● **WHAT TO DO**: The lines to repeat are those below from the one containing "#48=IFCINDEXEDPOLYGONALFACE((3,4,8,7));" down to the one containing "#64=IFCINDEXEDPOLYGONALFACE((35,36,40,39));", both included; reproduce them exactly and nothing else.

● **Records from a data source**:
----

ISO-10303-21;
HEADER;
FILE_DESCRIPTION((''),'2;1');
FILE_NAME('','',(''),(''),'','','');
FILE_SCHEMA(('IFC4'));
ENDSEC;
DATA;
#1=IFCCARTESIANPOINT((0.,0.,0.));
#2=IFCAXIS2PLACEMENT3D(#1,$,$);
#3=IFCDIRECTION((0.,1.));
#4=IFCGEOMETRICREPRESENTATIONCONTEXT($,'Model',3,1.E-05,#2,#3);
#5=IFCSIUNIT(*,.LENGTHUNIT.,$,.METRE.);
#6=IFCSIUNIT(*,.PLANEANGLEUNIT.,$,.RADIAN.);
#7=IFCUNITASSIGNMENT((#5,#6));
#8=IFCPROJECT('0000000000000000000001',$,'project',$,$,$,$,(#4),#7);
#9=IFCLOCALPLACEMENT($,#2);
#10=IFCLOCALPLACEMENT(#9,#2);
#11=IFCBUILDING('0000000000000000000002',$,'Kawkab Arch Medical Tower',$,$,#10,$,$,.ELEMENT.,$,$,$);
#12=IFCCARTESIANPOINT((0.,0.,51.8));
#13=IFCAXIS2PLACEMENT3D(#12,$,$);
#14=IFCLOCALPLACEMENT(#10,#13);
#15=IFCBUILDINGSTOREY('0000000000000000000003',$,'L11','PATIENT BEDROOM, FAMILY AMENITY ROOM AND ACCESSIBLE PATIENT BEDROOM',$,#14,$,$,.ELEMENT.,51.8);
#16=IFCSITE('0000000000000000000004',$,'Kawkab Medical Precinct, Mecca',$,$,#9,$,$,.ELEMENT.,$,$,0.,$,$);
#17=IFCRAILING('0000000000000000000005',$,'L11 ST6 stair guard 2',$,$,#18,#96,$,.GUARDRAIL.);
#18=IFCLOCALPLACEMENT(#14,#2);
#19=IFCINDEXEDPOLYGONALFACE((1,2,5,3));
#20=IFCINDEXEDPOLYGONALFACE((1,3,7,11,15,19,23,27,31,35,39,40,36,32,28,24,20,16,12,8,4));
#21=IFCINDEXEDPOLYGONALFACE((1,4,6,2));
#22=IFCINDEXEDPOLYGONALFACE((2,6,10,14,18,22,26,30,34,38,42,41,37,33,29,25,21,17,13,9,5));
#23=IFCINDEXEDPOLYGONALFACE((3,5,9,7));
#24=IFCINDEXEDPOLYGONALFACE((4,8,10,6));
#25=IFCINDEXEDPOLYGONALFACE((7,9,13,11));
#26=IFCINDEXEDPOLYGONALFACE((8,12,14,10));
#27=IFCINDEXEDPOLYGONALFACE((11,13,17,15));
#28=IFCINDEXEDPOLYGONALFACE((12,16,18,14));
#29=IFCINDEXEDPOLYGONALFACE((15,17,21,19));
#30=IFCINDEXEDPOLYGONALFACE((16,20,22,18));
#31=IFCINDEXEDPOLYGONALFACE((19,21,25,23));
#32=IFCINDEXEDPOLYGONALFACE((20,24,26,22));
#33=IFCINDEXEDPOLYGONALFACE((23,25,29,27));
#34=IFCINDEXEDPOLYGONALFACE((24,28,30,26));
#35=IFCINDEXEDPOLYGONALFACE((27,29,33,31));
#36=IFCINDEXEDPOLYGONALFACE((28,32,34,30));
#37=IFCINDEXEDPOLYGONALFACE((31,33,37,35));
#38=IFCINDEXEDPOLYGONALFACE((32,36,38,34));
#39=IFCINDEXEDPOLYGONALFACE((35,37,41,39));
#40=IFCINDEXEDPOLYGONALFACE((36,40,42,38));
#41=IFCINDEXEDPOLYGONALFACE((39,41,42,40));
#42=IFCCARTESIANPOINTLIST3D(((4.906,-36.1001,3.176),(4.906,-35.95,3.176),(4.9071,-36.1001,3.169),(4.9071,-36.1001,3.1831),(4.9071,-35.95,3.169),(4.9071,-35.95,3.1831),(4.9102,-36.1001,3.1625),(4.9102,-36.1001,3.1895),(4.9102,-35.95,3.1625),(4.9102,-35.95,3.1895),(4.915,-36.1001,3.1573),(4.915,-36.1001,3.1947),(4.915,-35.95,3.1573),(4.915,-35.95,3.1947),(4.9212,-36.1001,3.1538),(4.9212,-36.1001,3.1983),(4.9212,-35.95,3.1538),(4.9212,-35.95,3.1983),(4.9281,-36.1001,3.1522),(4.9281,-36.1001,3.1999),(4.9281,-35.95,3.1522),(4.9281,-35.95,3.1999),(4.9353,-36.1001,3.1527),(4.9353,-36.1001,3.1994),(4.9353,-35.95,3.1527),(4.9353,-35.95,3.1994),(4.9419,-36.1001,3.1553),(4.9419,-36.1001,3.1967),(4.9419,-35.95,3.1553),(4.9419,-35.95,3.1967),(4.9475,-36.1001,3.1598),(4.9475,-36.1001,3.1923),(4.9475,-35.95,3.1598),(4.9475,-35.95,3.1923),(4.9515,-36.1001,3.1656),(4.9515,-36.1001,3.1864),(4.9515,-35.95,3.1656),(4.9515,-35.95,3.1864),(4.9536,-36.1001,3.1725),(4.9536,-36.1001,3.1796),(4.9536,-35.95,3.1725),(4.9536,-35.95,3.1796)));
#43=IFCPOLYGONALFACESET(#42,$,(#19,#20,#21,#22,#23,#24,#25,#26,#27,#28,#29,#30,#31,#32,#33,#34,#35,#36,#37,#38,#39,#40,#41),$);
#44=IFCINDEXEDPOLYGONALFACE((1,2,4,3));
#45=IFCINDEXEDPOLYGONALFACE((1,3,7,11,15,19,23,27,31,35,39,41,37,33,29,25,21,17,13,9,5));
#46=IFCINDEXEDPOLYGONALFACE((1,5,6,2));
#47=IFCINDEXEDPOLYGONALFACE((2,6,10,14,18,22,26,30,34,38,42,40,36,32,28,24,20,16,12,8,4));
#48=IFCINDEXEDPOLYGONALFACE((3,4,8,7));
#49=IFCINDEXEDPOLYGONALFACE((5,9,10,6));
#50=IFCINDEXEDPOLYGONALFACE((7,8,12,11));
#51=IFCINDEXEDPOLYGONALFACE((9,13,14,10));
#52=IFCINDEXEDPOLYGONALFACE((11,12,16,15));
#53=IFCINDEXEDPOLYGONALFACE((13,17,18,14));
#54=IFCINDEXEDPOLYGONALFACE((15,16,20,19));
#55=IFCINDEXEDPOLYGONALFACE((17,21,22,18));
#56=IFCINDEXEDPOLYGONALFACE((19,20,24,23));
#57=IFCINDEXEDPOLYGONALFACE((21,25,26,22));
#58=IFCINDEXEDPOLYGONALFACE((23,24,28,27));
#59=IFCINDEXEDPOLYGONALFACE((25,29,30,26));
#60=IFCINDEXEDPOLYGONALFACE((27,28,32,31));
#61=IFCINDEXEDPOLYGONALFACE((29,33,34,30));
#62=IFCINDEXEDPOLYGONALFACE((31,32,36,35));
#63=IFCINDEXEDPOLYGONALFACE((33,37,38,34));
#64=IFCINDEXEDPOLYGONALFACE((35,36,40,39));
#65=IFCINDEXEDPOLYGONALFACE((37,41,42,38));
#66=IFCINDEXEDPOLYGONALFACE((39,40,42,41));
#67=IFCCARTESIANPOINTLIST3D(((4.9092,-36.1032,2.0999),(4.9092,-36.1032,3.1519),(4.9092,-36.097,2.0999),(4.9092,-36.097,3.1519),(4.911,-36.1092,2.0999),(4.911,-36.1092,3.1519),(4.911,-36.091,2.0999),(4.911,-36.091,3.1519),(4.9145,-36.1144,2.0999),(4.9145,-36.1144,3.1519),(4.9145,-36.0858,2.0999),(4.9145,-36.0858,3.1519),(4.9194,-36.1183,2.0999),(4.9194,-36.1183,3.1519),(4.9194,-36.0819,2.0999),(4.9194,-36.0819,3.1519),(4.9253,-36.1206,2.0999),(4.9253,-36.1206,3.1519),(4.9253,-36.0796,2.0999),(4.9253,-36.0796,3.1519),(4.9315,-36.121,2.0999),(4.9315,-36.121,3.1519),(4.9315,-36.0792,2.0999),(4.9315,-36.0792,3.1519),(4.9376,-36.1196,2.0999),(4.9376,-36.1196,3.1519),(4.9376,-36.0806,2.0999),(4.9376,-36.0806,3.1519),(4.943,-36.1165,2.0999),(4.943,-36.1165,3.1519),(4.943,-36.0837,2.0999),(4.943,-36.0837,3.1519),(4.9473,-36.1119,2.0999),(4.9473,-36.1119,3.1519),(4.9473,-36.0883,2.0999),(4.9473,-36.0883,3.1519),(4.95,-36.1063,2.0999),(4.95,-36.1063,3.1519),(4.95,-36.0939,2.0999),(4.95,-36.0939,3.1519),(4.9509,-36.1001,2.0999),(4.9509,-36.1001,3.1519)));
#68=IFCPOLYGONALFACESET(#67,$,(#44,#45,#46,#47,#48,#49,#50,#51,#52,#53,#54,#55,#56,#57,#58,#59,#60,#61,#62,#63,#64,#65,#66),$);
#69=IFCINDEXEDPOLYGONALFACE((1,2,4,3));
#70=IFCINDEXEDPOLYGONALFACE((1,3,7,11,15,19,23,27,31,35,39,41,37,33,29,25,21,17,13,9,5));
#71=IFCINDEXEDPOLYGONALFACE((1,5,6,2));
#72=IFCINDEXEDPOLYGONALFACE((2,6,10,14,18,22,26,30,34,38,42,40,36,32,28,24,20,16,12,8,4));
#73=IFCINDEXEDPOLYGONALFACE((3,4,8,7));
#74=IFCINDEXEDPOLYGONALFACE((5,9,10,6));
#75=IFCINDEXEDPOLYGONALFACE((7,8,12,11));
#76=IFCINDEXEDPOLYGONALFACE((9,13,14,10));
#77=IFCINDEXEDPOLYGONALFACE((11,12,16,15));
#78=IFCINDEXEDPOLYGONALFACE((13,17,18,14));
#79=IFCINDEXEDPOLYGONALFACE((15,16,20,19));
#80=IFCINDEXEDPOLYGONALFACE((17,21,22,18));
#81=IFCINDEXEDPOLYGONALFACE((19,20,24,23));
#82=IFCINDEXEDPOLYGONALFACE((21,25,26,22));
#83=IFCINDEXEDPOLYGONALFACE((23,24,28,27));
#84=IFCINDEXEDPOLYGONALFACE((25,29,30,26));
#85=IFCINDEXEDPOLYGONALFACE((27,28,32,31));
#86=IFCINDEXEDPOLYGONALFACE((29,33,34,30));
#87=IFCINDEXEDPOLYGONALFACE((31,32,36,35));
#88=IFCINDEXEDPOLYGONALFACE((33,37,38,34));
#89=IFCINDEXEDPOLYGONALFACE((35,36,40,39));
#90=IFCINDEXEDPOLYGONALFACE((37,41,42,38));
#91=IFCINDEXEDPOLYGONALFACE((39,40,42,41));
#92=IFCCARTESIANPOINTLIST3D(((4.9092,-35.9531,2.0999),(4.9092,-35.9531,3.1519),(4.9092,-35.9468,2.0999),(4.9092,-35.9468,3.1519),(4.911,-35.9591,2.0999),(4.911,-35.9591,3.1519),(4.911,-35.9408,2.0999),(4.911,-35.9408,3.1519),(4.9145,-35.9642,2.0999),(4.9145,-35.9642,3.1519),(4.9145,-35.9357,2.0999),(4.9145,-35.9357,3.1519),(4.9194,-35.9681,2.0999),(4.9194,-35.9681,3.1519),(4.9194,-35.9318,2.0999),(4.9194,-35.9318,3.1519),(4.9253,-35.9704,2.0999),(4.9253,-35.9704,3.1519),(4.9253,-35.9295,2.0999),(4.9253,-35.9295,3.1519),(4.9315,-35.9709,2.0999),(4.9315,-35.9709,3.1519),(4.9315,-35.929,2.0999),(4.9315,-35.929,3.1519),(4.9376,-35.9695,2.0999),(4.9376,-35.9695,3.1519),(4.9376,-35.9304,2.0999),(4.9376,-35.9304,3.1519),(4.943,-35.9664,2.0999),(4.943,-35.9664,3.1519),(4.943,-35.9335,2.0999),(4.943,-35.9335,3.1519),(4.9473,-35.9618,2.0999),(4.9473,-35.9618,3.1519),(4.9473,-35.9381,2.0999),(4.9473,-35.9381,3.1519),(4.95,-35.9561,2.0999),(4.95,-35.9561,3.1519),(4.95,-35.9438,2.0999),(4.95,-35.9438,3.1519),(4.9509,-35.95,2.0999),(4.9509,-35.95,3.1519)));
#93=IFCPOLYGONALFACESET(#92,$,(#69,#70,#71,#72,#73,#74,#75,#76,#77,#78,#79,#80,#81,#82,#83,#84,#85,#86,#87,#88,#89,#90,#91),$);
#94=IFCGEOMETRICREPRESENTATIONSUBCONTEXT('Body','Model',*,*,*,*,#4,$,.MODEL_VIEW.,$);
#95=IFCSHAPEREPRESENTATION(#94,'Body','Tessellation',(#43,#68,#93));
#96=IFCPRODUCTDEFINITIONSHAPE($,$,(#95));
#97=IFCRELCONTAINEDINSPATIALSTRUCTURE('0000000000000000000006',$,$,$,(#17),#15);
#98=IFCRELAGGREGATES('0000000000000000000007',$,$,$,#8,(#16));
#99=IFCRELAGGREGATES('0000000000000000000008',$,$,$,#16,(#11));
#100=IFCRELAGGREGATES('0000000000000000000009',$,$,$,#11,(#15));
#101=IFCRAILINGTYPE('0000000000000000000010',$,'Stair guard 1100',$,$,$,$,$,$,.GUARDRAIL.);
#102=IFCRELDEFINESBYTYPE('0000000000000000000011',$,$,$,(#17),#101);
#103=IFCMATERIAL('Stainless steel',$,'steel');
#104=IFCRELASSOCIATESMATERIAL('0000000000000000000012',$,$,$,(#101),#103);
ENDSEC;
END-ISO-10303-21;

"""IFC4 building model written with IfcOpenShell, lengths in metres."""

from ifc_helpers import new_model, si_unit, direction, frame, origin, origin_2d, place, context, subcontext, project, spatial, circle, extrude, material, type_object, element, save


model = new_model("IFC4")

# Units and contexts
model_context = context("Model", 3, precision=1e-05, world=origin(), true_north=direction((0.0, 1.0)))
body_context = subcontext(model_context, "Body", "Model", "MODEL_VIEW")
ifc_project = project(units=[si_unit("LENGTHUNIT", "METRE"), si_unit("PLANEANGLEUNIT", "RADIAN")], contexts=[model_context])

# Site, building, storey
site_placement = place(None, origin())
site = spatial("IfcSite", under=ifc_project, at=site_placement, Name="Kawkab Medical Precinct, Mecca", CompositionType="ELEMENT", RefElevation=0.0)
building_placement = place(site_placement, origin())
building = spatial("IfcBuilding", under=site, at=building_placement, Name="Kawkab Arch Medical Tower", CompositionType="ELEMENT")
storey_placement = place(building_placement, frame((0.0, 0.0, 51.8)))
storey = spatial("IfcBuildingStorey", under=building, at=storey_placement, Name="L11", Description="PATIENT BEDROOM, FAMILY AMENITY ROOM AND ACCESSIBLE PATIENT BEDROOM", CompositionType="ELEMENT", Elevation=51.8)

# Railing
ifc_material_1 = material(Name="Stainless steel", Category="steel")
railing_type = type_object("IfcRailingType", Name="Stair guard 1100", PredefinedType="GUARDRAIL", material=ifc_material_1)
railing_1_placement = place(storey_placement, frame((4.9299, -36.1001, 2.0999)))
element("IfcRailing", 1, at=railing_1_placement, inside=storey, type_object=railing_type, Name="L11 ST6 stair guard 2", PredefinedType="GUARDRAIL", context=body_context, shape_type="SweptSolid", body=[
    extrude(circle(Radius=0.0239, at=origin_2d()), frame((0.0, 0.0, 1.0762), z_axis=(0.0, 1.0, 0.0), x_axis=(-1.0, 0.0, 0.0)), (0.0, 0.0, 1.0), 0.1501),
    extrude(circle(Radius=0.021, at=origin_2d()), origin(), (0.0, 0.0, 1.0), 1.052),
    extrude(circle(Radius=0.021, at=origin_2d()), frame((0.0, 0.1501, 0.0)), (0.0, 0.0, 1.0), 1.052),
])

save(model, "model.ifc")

----

● **PROBLEM SOLUTION**:
#48=IFCINDEXEDPOLYGONALFACE((3,4,8,7));
#49=IFCINDEXEDPOLYGONALFACE((5,9,10,6));
#50=IFCINDEXEDPOLYGONALFACE((7,8,12,11));
#51=IFCINDEXEDPOLYGONALFACE((9,13,14,10));
#52=IFCINDEXEDPOLYGONALFACE((11,12,16,15));
#53=IFCINDEXEDPOLYGONALFACE((13,17,18,14));
#54=IFCINDEXEDPOLYGONALFACE((15,16,20,19));
#55=IFCINDEXEDPOLYGONALFACE((17,21,22,18));
#56=IFCINDEXEDPOLYGONALFACE((19,20,24,23));
#57=IFCINDEXEDPOLYGONALFACE((21,25,26,22));
#58=IFCINDEXEDPOLYGONALFACE((23,24,28,27));
#59=IFCINDEXEDPOLYGONALFACE((25,29,30,26));
#60=IFCINDEXEDPOLYGONALFACE((27,28,32,31));
#61=IFCINDEXEDPOLYGONALFACE((29,33,34,30));
#62=IFCINDEXEDPOLYGONALFACE((31,32,36,35));
#63=IFCINDEXEDPOLYGONALFACE((33,37,38,34));
#64=IFCINDEXEDPOLYGONALFACE((35,36,40,39));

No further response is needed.